Every line of the records that holds the word "IFCRELASSOCIATESMATERIAL" should be copied.

===== Provided data =====

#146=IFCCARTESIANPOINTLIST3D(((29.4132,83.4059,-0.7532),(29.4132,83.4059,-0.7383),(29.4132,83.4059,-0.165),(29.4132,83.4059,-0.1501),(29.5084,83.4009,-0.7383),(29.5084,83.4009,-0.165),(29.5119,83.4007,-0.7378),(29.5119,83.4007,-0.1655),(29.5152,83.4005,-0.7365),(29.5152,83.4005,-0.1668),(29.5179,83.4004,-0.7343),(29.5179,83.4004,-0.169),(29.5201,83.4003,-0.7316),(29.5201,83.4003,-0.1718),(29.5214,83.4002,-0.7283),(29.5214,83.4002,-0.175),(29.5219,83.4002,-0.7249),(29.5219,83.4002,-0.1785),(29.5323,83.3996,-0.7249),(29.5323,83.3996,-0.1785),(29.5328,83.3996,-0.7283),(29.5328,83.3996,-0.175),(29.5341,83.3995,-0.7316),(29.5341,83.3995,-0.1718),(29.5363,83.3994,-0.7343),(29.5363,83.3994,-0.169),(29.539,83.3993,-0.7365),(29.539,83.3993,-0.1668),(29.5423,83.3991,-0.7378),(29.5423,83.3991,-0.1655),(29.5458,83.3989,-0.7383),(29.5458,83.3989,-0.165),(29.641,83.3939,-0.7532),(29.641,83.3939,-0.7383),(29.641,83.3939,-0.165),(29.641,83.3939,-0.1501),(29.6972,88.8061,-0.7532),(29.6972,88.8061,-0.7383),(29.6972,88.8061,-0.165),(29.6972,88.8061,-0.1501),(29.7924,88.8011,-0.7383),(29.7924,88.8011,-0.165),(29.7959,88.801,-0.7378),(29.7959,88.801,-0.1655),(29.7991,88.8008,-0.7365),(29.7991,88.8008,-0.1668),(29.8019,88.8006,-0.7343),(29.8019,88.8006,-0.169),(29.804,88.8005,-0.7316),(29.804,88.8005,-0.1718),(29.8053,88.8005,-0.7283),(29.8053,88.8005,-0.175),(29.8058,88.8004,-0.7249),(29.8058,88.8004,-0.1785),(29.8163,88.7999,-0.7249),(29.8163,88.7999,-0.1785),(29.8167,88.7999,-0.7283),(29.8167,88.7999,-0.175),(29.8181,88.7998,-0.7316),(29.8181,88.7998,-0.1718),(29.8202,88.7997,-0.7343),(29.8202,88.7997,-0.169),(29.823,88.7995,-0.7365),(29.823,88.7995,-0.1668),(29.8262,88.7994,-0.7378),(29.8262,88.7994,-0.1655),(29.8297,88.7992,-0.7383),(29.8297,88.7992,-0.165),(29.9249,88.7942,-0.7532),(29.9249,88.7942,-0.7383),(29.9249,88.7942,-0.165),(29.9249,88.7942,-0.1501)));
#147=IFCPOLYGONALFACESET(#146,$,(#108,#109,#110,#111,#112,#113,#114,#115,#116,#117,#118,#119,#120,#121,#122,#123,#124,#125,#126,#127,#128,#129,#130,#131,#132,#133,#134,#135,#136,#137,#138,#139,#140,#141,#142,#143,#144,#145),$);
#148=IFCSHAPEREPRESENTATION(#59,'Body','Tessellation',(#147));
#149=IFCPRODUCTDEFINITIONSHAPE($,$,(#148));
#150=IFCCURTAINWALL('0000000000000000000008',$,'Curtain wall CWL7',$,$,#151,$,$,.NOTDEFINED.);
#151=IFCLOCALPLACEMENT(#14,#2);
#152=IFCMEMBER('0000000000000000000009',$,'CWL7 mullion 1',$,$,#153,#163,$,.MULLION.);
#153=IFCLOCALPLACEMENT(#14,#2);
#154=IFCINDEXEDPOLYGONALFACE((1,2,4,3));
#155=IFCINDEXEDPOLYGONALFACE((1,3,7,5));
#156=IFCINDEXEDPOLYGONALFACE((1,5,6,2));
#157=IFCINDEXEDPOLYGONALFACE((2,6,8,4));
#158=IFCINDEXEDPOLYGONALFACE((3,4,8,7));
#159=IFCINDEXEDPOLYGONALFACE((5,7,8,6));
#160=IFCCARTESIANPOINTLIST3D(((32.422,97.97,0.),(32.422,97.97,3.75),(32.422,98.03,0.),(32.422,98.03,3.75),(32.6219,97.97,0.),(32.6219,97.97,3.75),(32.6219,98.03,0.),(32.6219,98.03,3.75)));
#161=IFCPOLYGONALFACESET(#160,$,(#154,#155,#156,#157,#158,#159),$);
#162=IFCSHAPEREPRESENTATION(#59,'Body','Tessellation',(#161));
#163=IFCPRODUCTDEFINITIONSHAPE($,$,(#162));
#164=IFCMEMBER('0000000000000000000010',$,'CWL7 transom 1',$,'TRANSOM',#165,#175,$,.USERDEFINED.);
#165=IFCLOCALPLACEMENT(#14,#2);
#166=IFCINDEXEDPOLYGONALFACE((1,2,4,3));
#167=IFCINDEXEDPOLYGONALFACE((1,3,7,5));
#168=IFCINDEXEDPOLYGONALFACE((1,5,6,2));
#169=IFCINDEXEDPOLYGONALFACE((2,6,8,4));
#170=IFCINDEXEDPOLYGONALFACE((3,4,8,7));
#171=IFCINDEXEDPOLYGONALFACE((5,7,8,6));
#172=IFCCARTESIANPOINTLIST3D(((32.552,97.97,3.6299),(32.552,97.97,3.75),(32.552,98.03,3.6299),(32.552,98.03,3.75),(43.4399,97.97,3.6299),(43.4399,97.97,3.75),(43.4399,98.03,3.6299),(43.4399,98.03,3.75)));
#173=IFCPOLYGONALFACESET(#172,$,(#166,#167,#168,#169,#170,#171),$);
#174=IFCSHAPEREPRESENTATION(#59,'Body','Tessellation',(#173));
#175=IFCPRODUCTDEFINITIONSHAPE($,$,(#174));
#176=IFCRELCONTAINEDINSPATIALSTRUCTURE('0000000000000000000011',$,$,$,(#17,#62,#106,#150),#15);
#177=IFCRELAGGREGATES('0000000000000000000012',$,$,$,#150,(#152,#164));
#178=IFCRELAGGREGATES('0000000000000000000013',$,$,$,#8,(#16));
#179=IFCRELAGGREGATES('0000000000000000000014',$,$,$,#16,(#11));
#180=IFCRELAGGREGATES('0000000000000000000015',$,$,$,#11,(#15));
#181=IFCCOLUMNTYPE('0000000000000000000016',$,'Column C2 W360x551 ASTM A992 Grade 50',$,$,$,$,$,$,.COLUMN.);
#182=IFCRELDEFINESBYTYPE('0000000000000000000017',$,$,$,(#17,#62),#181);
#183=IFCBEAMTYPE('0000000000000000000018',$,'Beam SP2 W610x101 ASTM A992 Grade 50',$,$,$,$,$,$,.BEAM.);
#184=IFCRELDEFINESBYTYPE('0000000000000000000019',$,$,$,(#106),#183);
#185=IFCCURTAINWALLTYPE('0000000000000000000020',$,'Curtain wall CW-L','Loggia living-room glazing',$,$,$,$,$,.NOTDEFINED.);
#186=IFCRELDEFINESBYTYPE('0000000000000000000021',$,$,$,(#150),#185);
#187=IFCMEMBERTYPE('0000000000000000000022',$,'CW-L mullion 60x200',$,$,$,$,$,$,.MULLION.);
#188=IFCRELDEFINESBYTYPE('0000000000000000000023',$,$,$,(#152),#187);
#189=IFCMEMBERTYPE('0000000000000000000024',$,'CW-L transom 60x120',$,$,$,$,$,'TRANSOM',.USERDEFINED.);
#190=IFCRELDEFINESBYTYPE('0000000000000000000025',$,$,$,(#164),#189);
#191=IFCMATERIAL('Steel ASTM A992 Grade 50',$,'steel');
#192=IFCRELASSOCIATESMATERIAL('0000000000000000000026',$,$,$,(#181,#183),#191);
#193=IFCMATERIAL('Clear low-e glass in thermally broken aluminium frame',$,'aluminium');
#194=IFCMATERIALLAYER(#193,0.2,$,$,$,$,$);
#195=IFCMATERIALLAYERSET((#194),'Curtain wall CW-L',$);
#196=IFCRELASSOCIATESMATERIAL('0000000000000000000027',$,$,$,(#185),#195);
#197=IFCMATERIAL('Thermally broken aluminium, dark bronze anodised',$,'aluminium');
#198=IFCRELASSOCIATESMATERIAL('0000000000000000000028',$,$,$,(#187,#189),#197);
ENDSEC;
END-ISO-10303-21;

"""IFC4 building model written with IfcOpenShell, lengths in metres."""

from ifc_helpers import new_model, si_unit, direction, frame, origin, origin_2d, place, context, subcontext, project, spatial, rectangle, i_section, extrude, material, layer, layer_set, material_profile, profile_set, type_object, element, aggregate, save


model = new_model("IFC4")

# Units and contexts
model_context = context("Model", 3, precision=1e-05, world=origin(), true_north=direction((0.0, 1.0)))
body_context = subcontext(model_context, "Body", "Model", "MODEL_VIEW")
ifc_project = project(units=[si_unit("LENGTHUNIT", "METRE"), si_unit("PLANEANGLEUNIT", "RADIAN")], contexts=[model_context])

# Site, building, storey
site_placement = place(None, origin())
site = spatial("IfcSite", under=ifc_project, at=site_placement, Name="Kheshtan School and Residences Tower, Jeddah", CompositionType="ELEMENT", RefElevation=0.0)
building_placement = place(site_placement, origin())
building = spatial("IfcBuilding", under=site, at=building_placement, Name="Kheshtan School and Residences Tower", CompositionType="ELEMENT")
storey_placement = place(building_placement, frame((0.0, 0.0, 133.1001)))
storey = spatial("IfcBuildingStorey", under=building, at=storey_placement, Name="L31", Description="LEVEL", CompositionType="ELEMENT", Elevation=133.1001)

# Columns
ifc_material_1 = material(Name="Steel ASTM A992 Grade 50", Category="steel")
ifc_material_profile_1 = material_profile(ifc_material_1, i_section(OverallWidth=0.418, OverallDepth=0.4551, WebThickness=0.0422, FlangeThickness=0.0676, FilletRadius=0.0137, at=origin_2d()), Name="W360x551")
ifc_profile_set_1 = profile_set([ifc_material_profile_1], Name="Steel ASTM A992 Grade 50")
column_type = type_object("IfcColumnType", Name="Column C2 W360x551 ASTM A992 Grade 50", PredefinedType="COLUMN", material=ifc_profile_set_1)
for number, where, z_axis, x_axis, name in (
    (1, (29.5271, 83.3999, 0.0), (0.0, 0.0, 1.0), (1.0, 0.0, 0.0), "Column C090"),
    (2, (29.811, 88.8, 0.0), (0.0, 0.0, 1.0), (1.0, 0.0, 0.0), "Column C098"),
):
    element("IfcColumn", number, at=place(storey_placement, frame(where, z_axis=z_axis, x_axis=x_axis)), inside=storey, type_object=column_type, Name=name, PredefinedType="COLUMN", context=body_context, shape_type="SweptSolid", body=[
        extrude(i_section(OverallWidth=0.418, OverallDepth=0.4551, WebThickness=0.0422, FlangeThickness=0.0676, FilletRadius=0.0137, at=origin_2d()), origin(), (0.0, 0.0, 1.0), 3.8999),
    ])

=====

**Exercise answer**
#192=IFCRELASSOCIATESMATERIAL('0000000000000000000026',$,$,$,(#181,#183),#191);
#196=IFCRELASSOCIATESMATERIAL('0000000000000000000027',$,$,$,(#185),#195);
#198=IFCRELASSOCIATESMATERIAL('0000000000000000000028',$,$,$,(#187,#189),#197);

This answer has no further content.